■ What you are asked to do ■
From the records that follow, copy every line in which "under" appears.

■ Input data ■
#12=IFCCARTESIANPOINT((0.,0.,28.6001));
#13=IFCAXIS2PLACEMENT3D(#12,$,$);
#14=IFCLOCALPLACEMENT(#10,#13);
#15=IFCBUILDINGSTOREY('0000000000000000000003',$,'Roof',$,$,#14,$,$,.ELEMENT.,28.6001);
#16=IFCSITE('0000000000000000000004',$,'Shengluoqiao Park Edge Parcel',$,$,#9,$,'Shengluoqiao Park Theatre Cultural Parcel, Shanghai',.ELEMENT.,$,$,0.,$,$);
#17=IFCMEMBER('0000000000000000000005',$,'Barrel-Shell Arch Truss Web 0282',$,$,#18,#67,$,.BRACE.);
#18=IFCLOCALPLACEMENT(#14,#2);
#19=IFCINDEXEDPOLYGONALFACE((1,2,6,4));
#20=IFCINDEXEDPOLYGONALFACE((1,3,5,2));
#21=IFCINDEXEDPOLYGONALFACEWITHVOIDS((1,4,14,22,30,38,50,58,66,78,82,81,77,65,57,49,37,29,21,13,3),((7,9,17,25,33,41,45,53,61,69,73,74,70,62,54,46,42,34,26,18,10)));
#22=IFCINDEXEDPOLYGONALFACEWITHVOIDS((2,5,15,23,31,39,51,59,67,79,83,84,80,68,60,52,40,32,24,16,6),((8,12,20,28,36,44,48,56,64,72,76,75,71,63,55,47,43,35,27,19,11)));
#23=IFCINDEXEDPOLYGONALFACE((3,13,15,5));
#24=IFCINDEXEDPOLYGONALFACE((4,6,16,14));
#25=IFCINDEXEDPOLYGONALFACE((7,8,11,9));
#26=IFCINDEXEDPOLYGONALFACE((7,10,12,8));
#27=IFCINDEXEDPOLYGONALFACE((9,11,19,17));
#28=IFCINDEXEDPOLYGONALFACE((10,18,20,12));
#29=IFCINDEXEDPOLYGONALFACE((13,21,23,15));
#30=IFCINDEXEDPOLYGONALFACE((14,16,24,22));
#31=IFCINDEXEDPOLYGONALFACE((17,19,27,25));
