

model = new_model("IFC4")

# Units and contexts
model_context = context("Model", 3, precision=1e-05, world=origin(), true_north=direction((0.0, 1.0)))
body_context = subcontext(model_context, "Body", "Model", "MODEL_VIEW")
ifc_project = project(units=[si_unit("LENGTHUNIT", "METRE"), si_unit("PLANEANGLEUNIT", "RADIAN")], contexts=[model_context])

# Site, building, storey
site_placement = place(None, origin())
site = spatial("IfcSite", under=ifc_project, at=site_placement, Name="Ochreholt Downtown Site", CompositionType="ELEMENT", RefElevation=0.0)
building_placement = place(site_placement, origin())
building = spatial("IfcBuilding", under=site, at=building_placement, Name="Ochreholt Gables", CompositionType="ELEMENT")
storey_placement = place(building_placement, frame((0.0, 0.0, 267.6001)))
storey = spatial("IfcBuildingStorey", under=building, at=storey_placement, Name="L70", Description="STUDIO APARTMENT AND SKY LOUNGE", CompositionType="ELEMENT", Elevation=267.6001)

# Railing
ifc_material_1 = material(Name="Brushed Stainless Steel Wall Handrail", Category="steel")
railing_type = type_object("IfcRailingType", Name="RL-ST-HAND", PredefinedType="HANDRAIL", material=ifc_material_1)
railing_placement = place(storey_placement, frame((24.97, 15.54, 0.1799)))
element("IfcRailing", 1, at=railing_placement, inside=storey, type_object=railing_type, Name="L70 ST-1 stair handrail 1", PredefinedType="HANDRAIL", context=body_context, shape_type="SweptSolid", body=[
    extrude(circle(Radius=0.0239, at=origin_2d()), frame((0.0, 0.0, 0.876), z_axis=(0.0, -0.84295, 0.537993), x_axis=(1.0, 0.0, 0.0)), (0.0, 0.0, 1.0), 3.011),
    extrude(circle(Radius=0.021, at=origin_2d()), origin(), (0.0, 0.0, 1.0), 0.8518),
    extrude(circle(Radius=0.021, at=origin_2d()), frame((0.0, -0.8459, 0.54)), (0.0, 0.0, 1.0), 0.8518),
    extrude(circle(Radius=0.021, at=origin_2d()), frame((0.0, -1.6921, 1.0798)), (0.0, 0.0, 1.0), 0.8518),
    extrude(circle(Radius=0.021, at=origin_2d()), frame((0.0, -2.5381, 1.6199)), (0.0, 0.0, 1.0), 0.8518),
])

■ Response area ■
site = spatial("IfcSite", under=ifc_project, at=site_placement, Name="Ochreholt Downtown Site", CompositionType="ELEMENT", RefElevation=0.0)
building = spatial("IfcBuilding", under=site, at=building_placement, Name="Ochreholt Gables", CompositionType="ELEMENT")
storey = spatial("IfcBuildingStorey", under=building, at=storey_placement, Name="L70", Description="STUDIO APARTMENT AND SKY LOUNGE", CompositionType="ELEMENT", Elevation=267.6001)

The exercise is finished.